= Beginning of Section =

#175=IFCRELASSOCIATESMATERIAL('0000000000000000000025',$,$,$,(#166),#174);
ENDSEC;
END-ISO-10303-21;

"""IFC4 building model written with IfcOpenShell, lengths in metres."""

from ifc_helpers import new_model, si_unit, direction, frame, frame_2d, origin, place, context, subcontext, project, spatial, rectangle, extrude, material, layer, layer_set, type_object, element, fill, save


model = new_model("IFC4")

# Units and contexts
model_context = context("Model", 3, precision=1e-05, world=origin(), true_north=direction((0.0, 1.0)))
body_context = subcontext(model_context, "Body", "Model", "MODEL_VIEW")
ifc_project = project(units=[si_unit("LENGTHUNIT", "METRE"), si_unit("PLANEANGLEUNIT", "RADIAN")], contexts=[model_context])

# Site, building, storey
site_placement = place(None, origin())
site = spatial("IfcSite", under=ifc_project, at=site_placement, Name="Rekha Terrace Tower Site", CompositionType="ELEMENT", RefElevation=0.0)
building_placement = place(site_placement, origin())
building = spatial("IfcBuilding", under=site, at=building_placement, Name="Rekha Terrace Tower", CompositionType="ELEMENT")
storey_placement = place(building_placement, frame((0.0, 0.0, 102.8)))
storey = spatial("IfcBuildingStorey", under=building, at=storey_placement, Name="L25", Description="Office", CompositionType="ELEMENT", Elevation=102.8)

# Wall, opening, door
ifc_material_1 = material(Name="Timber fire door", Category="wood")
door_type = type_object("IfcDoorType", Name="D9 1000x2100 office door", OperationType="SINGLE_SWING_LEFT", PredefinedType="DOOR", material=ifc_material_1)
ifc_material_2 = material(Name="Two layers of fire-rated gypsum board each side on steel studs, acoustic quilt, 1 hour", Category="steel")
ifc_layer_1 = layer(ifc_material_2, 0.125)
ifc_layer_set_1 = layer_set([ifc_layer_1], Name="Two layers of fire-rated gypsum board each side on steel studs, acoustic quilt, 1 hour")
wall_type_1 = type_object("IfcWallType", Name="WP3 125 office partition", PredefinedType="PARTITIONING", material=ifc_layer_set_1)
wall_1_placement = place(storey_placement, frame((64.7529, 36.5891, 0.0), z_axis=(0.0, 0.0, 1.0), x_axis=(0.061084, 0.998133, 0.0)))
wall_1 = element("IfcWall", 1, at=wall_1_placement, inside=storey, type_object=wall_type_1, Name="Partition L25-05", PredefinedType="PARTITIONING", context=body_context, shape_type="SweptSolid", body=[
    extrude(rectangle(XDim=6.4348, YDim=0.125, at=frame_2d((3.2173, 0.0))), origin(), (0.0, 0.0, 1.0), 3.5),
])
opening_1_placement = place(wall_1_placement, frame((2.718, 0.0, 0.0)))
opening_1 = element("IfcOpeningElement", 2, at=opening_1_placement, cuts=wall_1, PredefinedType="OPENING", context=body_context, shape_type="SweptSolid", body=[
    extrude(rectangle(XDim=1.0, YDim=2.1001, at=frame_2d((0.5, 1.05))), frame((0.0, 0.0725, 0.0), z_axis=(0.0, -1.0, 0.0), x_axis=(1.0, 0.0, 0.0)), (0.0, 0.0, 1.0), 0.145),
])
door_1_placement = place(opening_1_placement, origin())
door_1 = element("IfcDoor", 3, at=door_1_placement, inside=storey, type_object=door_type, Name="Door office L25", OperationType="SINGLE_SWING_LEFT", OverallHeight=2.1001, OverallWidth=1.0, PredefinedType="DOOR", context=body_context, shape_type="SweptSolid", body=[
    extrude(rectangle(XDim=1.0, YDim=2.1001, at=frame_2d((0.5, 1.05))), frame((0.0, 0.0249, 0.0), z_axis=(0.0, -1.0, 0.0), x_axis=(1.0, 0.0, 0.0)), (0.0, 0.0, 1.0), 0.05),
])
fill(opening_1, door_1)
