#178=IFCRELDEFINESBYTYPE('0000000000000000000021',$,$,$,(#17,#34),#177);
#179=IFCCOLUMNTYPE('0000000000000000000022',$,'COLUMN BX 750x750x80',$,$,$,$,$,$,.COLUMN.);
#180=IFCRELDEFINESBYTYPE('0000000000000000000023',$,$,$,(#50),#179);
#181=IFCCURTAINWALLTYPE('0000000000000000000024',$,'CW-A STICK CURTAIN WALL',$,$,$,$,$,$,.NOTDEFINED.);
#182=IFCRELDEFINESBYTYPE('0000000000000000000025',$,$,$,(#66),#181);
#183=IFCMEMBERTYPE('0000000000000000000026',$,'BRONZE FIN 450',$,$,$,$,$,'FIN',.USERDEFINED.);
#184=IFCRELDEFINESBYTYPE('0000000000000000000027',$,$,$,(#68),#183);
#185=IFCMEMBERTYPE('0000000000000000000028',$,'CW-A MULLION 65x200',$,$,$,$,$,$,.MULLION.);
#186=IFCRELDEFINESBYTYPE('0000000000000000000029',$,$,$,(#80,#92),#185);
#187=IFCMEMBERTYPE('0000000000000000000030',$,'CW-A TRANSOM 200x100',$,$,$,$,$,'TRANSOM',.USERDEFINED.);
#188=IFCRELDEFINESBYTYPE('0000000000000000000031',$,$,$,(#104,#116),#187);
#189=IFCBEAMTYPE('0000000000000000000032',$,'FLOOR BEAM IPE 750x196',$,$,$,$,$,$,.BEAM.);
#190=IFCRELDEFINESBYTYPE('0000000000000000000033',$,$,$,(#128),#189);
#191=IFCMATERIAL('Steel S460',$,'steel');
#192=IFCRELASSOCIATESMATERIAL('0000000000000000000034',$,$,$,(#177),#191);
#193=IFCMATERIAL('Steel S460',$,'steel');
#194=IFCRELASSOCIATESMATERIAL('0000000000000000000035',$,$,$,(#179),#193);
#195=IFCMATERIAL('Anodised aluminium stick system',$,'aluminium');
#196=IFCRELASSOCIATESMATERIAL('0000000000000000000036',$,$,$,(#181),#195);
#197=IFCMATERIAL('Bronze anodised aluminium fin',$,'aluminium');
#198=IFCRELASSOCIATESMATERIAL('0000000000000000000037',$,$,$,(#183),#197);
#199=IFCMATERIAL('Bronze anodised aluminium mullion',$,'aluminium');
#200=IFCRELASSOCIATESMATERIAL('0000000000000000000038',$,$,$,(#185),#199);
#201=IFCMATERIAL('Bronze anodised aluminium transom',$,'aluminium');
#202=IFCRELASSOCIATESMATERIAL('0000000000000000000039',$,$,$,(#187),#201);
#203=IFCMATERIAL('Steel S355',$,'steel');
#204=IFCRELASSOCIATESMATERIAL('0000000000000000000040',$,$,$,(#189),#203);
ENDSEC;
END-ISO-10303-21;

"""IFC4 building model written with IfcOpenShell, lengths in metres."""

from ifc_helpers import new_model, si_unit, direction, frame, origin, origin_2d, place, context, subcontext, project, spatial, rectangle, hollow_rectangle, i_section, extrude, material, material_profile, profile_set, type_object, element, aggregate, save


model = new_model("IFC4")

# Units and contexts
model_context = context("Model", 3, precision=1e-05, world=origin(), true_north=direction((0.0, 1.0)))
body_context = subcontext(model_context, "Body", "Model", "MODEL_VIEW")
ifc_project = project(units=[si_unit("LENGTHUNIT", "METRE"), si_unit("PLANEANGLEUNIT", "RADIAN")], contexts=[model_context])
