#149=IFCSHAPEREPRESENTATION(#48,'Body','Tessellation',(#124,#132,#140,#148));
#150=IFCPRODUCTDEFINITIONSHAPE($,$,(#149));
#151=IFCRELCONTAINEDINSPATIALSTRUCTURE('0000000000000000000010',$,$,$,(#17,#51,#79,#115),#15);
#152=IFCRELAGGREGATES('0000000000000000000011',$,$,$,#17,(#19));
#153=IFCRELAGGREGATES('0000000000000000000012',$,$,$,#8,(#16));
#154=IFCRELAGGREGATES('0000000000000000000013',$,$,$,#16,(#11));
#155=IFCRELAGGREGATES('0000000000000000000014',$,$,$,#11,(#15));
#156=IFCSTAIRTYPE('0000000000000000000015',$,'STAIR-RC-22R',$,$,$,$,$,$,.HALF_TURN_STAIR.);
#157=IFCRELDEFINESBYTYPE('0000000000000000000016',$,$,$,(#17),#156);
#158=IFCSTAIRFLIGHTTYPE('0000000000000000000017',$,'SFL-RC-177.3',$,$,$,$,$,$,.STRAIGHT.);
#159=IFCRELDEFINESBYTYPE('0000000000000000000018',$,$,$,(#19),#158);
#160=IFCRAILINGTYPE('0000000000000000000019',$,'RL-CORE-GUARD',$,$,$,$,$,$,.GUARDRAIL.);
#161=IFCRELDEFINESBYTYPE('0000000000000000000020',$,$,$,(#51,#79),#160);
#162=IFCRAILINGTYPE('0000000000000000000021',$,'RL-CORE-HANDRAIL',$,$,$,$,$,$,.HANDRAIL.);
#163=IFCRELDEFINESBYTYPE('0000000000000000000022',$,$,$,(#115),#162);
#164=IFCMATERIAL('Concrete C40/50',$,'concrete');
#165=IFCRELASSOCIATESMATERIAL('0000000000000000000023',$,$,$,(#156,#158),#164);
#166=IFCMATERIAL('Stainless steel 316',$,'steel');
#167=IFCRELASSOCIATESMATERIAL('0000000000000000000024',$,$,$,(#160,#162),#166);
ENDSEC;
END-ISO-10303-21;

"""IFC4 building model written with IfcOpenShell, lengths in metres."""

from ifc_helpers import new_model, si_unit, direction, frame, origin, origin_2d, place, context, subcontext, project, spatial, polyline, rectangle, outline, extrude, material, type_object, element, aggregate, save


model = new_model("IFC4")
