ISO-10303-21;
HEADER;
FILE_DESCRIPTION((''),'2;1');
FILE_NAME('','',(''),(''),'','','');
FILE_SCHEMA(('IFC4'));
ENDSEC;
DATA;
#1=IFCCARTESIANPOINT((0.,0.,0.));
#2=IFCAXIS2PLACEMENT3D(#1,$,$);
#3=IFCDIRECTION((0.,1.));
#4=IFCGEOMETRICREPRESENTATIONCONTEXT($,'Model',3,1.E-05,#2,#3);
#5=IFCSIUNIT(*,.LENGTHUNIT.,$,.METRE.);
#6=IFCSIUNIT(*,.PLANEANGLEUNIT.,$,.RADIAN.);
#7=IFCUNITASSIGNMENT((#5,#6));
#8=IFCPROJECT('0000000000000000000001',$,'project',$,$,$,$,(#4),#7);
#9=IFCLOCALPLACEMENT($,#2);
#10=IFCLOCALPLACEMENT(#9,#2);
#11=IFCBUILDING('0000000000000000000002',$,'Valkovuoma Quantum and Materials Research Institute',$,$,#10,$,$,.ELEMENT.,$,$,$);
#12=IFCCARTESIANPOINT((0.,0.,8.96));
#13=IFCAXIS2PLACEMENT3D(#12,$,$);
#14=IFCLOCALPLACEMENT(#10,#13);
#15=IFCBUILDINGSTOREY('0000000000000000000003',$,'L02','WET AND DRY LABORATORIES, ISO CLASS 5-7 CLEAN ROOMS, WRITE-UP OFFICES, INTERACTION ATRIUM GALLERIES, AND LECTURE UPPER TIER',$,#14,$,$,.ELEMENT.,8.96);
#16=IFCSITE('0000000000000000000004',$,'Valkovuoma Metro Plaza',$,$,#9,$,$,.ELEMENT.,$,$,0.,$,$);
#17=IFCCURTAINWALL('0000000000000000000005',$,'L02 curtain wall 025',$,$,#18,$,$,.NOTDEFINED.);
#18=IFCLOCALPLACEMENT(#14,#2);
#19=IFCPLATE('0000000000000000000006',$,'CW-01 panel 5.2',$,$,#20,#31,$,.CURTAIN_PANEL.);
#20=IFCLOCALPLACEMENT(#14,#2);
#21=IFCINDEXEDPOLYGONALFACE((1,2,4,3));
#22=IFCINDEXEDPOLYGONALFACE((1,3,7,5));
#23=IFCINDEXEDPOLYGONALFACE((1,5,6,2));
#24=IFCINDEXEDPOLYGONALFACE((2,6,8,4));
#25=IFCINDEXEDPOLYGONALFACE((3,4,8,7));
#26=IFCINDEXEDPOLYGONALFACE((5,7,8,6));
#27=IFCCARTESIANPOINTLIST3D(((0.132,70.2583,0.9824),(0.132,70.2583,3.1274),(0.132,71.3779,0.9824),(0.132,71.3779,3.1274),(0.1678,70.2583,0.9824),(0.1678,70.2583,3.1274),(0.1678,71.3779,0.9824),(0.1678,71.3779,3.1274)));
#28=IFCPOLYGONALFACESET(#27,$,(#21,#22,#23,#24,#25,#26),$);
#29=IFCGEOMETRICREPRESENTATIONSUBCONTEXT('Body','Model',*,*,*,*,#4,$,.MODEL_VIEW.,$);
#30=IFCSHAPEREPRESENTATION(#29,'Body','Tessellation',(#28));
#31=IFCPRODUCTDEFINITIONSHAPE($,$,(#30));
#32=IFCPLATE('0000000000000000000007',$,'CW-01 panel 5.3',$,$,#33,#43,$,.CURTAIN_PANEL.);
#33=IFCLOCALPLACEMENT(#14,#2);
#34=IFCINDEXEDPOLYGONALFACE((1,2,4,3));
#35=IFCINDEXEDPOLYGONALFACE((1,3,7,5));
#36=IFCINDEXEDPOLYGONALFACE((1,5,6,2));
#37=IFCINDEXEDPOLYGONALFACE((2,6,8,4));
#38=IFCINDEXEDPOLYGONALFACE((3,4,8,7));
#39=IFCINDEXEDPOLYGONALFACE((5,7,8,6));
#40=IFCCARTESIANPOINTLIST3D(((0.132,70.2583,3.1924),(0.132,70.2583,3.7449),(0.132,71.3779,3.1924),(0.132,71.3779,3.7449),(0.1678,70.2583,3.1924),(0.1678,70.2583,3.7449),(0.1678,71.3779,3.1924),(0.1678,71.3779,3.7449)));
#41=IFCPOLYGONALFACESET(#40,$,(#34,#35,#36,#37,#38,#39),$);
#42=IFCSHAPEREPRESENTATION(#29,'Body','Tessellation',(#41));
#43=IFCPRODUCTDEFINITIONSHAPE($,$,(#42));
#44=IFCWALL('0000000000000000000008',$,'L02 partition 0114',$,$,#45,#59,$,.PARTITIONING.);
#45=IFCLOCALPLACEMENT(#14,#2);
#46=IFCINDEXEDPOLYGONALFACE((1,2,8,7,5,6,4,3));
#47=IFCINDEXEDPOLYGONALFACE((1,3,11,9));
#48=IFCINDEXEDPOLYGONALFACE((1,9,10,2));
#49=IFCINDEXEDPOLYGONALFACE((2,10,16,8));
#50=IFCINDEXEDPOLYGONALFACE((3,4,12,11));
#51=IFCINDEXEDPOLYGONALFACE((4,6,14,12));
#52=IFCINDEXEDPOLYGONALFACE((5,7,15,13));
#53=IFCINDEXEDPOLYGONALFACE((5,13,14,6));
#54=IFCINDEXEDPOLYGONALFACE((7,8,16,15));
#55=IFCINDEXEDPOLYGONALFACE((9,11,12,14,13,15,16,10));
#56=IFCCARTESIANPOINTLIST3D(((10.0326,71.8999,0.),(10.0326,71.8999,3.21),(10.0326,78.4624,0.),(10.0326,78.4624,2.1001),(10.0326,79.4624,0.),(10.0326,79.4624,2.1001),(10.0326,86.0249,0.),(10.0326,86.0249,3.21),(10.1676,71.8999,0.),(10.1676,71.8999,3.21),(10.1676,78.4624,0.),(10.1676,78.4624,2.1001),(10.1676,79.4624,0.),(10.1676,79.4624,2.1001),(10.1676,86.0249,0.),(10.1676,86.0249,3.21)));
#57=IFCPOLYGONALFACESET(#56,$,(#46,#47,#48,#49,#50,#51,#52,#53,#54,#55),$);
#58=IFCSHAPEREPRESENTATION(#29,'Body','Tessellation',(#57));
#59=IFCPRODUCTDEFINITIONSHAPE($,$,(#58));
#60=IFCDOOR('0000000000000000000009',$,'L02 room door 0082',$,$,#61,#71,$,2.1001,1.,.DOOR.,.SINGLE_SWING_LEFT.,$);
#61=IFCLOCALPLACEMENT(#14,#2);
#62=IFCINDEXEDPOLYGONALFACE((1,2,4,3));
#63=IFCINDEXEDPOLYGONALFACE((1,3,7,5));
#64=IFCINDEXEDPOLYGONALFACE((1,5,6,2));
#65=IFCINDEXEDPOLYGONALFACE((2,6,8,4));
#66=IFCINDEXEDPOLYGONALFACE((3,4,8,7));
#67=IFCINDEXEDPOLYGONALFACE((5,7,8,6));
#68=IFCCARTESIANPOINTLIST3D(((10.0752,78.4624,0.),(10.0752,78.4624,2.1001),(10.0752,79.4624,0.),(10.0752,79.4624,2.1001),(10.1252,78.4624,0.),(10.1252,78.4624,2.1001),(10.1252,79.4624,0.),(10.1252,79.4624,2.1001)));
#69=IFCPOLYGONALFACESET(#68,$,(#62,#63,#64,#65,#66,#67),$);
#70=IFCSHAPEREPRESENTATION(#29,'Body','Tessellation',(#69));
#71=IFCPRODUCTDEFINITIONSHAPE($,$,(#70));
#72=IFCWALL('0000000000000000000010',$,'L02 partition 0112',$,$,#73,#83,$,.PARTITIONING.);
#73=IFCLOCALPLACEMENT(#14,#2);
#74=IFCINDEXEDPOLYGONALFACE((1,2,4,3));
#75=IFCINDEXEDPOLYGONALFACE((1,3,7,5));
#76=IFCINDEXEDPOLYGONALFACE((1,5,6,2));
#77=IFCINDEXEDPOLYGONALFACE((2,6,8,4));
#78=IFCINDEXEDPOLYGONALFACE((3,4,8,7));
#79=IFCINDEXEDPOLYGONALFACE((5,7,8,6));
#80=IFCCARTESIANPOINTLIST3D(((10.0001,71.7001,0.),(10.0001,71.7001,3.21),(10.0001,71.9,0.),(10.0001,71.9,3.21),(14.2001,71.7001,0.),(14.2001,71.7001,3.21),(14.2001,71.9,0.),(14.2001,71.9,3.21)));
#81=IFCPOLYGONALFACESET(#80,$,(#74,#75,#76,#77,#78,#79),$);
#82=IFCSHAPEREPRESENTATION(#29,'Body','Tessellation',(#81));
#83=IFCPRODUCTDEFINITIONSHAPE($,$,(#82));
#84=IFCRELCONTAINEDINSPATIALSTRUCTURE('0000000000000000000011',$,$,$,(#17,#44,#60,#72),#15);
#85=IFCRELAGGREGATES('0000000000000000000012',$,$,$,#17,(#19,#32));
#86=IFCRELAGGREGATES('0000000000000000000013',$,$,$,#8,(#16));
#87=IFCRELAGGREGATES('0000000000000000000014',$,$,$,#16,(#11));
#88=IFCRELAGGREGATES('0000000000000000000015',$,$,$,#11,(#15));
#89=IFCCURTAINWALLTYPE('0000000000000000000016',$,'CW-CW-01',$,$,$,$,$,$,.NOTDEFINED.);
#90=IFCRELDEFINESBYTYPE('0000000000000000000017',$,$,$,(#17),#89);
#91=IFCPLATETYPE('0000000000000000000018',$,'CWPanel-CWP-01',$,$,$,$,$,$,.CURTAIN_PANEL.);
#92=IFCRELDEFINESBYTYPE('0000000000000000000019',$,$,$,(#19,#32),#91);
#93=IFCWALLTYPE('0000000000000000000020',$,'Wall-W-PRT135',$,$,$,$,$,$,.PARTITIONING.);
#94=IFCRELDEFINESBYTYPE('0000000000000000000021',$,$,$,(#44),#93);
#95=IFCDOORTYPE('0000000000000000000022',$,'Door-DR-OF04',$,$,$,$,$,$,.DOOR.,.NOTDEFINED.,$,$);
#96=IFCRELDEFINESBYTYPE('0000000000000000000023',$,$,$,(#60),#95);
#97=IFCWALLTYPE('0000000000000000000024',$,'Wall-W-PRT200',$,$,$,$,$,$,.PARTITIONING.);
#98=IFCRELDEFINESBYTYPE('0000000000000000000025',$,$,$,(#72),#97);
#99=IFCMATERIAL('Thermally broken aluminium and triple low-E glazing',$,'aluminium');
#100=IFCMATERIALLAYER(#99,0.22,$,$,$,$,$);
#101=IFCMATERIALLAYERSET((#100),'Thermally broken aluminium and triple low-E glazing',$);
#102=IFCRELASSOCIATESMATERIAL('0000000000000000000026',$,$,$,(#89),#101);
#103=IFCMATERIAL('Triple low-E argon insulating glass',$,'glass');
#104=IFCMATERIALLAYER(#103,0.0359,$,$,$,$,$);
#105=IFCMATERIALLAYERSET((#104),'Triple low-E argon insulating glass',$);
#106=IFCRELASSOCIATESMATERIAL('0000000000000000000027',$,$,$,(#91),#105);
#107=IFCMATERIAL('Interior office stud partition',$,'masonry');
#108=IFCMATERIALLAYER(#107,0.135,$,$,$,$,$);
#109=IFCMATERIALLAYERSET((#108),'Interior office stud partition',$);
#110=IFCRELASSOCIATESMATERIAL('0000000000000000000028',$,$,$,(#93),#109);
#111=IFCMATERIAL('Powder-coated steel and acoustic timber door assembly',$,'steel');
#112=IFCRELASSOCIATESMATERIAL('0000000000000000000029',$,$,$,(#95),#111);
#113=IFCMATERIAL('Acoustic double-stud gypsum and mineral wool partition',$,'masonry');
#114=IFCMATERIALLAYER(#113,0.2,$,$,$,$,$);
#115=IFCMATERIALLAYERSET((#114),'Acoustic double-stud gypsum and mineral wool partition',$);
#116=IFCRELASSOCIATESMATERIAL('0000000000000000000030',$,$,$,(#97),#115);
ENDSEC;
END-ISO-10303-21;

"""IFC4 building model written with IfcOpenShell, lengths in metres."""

from ifc_helpers import new_model, si_unit, direction, frame, frame_2d, origin, origin_2d, place, context, subcontext, project, spatial, rectangle, extrude, material, layer, layer_set, type_object, element, fill, aggregate, save


model = new_model("IFC4")

# Units and contexts
model_context = context("Model", 3, precision=1e-05, world=origin(), true_north=direction((0.0, 1.0)))
body_context = subcontext(model_context, "Body", "Model", "MODEL_VIEW")
ifc_project = project(units=[si_unit("LENGTHUNIT", "METRE"), si_unit("PLANEANGLEUNIT", "RADIAN")], contexts=[model_context])

# Site, building, storey
site_placement = place(None, origin())
site = spatial("IfcSite", under=ifc_project, at=site_placement, Name="Valkovuoma Metro Plaza", CompositionType="ELEMENT", RefElevation=0.0)
building_placement = place(site_placement, origin())
building = spatial("IfcBuilding", under=site, at=building_placement, Name="Valkovuoma Quantum and Materials Research Institute", CompositionType="ELEMENT")
storey_placement = place(building_placement, frame((0.0, 0.0, 8.96)))
storey = spatial("IfcBuildingStorey", under=building, at=storey_placement, Name="L02", Description="WET AND DRY LABORATORIES, ISO CLASS 5-7 CLEAN ROOMS, WRITE-UP OFFICES, INTERACTION ATRIUM GALLERIES, AND LECTURE UPPER TIER", CompositionType="ELEMENT", Elevation=8.96)

# Curtain wall, plates
ifc_material_1 = material(Name="Thermally broken aluminium and triple low-E glazing", Category="aluminium")
ifc_layer_1 = layer(ifc_material_1, 0.22)
ifc_layer_set_1 = layer_set([ifc_layer_1], Name="Thermally broken aluminium and triple low-E glazing")
curtain_wall_type = type_object("IfcCurtainWallType", Name="CW-CW-01", PredefinedType="NOTDEFINED", material=ifc_layer_set_1)
curtain_wall_placement = place(storey_placement, origin())
curtain_wall = element("IfcCurtainWall", 1, at=curtain_wall_placement, inside=storey, type_object=curtain_wall_type, Name="L02 curtain wall 025", PredefinedType="NOTDEFINED")
ifc_material_2 = material(Name="Triple low-E argon insulating glass", Category="glass")
ifc_layer_2 = layer(ifc_material_2, 0.0359)
ifc_layer_set_2 = layer_set([ifc_layer_2], Name="Triple low-E argon insulating glass")
plate_type = type_object("IfcPlateType", Name="CWPanel-CWP-01", PredefinedType="CURTAIN_PANEL", material=ifc_layer_set_2)
plate_1_placement = place(storey_placement, frame((0.1499, 70.8181, 0.9824), z_axis=(0.0, 0.0, 1.0), x_axis=(0.0, 1.0, 0.0)))
plate_1 = element("IfcPlate", 2, at=plate_1_placement, type_object=plate_type, Name="CW-01 panel 5.2", PredefinedType="CURTAIN_PANEL", context=body_context, shape_type="SweptSolid", body=[
    extrude(rectangle(XDim=1.1196, YDim=0.0359, at=origin_2d()), origin(), (0.0, 0.0, 1.0), 2.145),
])
plate_2_placement = place(storey_placement, frame((0.1499, 70.8181, 3.1924), z_axis=(0.0, 0.0, 1.0), x_axis=(0.0, 1.0, 0.0)))
plate_2 = element("IfcPlate", 3, at=plate_2_placement, type_object=plate_type, Name="CW-01 panel 5.3", PredefinedType="CURTAIN_PANEL", context=body_context, shape_type="SweptSolid", body=[
    extrude(rectangle(XDim=1.1196, YDim=0.0359, at=origin_2d()), origin(), (0.0, 0.0, 1.0), 0.5525),
])
aggregate(curtain_wall, [plate_1, plate_2])

# Wall, opening, door
ifc_material_3 = material(Name="Interior office stud partition", Category="masonry")
ifc_layer_3 = layer(ifc_material_3, 0.135)
ifc_layer_set_3 = layer_set([ifc_layer_3], Name="Interior office stud partition")
wall_type_1 = type_object("IfcWallType", Name="Wall-W-PRT135", PredefinedType="PARTITIONING", material=ifc_layer_set_3)
wall_1_placement = place(storey_placement, frame((10.1001, 71.8999, 0.0), z_axis=(0.0, 0.0, 1.0), x_axis=(0.0, 1.0, 0.0)))
wall_1 = element("IfcWall", 4, at=wall_1_placement, inside=storey, type_object=wall_type_1, Name="L02 partition 0114", PredefinedType="PARTITIONING", context=body_context, shape_type="SweptSolid", body=[
    extrude(rectangle(XDim=14.125, YDim=0.135, at=frame_2d((7.0625, 0.0))), origin(), (0.0, 0.0, 1.0), 3.21),
])
opening_placement = place(wall_1_placement, frame((6.5625, 0.0, 0.0)))
opening = element("IfcOpeningElement", 5, at=opening_placement, cuts=wall_1, PredefinedType="OPENING", context=body_context, shape_type="SweptSolid", body=[
    extrude(rectangle(XDim=1.0, YDim=2.1001, at=frame_2d((0.5, 1.05))), frame((0.0, 0.0776, 0.0), z_axis=(0.0, -1.0, 0.0), x_axis=(1.0, 0.0, 0.0)), (0.0, 0.0, 1.0), 0.155),
])
ifc_material_4 = material(Name="Powder-coated steel and acoustic timber door assembly", Category="steel")
door_type = type_object("IfcDoorType", Name="Door-DR-OF04", OperationType="NOTDEFINED", PredefinedType="DOOR", material=ifc_material_4)
door_placement = place(opening_placement, origin())
door = element("IfcDoor", 6, at=door_placement, inside=storey, type_object=door_type, Name="L02 room door 0082", OperationType="SINGLE_SWING_LEFT", OverallHeight=2.1001, OverallWidth=1.0, PredefinedType="DOOR", context=body_context, shape_type="SweptSolid", body=[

= End of Section =

• [EXERCISE]:
Go through the material and select each line with the string "CORE" in it.

• [TASK RESPONSE]:
#160=IFCRAILINGTYPE('0000000000000000000019',$,'RL-CORE-GUARD',$,$,$,$,$,$,.GUARDRAIL.);
#162=IFCRAILINGTYPE('0000000000000000000021',$,'RL-CORE-HANDRAIL',$,$,$,$,$,$,.HANDRAIL.);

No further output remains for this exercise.